§ Instructions to follow:
Only the lines holding the string "glazed" are needed; copy each of them from the data.

§ Records for the exercise:
==*==

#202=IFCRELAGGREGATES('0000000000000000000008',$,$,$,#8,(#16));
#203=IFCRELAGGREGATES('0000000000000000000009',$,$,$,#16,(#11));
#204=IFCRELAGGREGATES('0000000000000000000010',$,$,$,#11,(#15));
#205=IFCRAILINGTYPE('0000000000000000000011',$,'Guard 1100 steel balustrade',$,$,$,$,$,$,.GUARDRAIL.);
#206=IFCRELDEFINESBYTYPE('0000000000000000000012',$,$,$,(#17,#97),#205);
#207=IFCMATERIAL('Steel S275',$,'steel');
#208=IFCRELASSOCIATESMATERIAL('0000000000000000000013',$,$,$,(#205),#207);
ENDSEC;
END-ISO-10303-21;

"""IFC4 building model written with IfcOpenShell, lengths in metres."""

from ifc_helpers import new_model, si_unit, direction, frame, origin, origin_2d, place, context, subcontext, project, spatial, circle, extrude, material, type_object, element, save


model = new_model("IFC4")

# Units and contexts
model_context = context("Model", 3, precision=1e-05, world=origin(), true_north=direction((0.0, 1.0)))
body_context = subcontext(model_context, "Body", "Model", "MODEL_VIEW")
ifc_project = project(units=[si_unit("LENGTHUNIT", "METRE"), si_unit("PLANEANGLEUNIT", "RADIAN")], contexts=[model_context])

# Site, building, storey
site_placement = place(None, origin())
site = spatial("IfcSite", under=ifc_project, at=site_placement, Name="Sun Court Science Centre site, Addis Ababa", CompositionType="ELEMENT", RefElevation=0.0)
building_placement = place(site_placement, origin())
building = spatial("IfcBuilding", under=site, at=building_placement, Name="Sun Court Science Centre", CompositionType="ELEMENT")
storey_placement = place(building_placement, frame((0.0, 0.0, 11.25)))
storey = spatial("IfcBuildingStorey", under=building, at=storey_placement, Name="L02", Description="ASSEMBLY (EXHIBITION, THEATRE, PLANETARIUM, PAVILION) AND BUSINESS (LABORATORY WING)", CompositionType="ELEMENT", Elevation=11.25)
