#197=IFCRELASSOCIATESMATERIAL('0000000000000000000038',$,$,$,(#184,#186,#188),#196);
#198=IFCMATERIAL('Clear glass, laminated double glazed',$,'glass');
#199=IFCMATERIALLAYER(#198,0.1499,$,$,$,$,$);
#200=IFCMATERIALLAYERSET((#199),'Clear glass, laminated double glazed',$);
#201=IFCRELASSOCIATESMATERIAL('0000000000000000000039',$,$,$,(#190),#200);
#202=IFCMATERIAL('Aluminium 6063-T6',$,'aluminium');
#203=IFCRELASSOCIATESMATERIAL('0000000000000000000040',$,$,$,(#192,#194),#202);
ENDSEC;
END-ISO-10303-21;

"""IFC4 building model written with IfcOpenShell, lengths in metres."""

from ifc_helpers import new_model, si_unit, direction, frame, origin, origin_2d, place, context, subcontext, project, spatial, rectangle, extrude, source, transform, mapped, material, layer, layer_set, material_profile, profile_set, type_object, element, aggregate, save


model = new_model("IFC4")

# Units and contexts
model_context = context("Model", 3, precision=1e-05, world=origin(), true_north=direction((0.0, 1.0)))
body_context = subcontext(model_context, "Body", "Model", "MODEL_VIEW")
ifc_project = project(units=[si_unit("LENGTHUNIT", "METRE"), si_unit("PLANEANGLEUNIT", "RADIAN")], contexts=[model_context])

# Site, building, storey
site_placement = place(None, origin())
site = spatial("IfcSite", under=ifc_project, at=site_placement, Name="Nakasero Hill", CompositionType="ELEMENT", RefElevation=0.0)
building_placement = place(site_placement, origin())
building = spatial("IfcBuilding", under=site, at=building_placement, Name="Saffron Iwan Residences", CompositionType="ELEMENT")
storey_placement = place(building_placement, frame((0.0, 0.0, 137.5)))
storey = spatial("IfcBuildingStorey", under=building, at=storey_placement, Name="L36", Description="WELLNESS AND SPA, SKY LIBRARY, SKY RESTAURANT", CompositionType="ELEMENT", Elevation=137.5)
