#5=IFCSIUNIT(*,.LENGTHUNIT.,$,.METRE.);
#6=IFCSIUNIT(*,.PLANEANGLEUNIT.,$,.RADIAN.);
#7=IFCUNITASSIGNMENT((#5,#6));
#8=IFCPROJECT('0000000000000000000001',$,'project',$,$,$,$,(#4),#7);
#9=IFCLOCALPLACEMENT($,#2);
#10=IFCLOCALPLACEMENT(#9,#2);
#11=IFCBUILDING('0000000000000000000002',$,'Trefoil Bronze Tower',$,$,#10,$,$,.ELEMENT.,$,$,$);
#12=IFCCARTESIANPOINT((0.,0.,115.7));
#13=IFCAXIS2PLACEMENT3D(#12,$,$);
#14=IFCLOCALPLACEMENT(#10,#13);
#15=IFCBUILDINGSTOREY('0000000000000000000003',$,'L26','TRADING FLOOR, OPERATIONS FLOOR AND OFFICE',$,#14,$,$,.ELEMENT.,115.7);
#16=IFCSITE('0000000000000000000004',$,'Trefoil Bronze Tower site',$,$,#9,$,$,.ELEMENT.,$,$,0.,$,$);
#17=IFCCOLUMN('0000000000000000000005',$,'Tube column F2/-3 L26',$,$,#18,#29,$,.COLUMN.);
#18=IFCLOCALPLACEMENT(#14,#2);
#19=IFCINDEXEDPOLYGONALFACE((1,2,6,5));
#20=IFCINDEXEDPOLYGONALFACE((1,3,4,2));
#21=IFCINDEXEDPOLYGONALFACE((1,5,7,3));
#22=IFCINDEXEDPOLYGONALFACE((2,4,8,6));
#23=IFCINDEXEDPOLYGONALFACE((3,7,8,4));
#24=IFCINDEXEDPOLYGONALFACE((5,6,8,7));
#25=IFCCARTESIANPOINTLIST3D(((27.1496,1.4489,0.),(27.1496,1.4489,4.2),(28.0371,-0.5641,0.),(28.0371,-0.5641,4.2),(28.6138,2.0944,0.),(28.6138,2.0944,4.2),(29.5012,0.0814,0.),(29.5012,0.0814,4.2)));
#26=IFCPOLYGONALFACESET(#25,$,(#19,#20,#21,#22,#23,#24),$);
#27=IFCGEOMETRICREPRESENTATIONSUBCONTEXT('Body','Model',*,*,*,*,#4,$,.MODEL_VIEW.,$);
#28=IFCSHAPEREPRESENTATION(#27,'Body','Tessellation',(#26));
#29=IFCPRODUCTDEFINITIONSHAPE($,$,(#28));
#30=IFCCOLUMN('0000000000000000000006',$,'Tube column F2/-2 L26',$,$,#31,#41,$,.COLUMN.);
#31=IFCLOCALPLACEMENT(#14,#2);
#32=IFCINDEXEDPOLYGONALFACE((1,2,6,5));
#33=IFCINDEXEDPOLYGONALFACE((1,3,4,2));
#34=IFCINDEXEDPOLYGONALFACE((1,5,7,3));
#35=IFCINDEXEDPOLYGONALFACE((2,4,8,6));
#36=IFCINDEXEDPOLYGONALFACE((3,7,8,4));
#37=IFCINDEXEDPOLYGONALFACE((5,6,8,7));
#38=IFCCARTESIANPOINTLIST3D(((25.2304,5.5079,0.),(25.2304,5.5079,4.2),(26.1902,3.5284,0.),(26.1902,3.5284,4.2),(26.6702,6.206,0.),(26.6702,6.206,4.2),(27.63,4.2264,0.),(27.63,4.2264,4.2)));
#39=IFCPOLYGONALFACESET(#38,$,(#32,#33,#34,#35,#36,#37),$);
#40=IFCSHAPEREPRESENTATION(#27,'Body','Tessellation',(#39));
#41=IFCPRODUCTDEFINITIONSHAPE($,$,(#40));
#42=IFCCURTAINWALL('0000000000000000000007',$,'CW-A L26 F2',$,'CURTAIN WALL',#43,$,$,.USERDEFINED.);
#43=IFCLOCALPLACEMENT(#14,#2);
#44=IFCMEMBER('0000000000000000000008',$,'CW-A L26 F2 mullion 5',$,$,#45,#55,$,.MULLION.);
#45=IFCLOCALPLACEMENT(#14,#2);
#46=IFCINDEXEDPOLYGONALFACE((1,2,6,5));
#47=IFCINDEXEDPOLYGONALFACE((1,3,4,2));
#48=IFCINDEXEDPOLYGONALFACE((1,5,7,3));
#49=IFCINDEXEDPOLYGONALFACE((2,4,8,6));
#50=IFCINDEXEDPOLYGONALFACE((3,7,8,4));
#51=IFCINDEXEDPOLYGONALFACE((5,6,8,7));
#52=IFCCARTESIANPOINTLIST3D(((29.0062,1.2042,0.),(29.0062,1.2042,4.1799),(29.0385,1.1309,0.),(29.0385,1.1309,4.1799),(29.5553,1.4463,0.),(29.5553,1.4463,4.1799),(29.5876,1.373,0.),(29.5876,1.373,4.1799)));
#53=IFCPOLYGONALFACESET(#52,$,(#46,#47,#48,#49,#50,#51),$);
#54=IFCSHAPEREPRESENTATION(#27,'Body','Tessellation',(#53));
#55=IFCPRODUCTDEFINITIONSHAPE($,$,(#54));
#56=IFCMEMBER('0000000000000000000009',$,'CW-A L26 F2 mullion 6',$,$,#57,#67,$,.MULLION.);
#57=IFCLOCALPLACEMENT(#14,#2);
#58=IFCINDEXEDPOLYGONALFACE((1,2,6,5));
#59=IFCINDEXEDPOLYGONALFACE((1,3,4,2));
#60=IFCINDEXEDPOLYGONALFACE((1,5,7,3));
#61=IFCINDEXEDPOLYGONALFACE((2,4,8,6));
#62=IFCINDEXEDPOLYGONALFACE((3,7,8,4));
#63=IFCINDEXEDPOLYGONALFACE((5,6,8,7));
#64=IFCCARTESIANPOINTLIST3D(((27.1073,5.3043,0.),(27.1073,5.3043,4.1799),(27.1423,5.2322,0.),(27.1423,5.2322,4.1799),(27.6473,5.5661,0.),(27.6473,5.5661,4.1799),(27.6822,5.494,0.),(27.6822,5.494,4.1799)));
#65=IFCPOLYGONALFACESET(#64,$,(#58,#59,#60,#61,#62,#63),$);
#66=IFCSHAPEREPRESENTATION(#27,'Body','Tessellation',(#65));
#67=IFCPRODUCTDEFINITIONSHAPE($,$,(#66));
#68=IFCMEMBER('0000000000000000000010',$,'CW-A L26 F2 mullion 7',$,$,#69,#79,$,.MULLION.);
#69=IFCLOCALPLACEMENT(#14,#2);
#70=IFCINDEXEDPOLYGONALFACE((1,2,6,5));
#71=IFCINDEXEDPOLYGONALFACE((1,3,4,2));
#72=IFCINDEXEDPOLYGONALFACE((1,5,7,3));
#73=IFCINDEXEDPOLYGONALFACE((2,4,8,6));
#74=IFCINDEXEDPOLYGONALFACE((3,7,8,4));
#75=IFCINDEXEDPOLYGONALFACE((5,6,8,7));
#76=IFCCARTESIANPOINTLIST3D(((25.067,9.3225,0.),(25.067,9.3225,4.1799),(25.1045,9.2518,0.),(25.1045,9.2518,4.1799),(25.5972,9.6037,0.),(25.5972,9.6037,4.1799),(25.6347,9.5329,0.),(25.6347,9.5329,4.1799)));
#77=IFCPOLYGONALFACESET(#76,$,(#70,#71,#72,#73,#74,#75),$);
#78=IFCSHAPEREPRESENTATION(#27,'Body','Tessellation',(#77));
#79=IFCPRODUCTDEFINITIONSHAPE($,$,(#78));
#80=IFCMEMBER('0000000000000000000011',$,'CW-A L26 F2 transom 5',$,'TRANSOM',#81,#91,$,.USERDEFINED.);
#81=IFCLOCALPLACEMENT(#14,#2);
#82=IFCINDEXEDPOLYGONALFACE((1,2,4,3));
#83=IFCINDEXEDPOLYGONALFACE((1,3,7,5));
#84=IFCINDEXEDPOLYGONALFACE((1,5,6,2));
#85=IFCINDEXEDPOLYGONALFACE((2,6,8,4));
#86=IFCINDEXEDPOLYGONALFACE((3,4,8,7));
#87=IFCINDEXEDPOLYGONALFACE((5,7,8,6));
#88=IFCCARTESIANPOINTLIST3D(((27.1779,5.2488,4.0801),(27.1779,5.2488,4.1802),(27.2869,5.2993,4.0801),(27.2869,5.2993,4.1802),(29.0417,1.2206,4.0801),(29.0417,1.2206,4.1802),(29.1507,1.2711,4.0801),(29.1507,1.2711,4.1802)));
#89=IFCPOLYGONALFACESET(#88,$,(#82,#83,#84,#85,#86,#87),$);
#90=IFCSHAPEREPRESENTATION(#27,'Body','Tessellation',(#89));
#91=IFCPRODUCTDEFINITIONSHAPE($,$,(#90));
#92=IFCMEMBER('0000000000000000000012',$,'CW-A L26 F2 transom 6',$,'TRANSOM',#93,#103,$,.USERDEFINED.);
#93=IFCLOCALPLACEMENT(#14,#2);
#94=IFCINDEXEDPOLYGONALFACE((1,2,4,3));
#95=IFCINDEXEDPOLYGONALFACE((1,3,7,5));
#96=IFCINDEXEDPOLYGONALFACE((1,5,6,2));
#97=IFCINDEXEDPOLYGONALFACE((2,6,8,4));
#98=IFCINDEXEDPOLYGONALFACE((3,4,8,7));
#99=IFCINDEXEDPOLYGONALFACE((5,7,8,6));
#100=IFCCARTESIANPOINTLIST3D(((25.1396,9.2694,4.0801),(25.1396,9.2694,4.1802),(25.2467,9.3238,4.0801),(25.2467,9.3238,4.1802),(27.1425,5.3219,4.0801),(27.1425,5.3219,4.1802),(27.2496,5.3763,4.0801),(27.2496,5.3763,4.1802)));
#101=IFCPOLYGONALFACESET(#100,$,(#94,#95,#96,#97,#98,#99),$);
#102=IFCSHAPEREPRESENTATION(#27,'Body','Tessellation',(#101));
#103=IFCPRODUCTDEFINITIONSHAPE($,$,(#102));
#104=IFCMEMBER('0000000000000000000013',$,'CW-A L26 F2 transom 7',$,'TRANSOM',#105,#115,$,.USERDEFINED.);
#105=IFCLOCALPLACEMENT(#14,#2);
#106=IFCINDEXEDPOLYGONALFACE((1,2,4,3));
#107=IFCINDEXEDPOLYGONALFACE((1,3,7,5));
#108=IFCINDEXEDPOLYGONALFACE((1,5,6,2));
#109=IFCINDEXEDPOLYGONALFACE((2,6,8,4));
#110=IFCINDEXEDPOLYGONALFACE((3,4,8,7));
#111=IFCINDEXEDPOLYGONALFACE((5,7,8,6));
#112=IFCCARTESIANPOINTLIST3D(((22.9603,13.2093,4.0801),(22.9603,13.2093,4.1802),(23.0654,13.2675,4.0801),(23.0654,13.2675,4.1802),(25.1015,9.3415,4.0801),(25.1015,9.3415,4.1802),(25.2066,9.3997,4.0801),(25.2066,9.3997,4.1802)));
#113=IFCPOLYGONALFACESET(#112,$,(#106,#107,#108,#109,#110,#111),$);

==*==

§ Solved exercise:
#198=IFCMATERIAL('Clear glass, laminated double glazed',$,'glass');
#200=IFCMATERIALLAYERSET((#199),'Clear glass, laminated double glazed',$);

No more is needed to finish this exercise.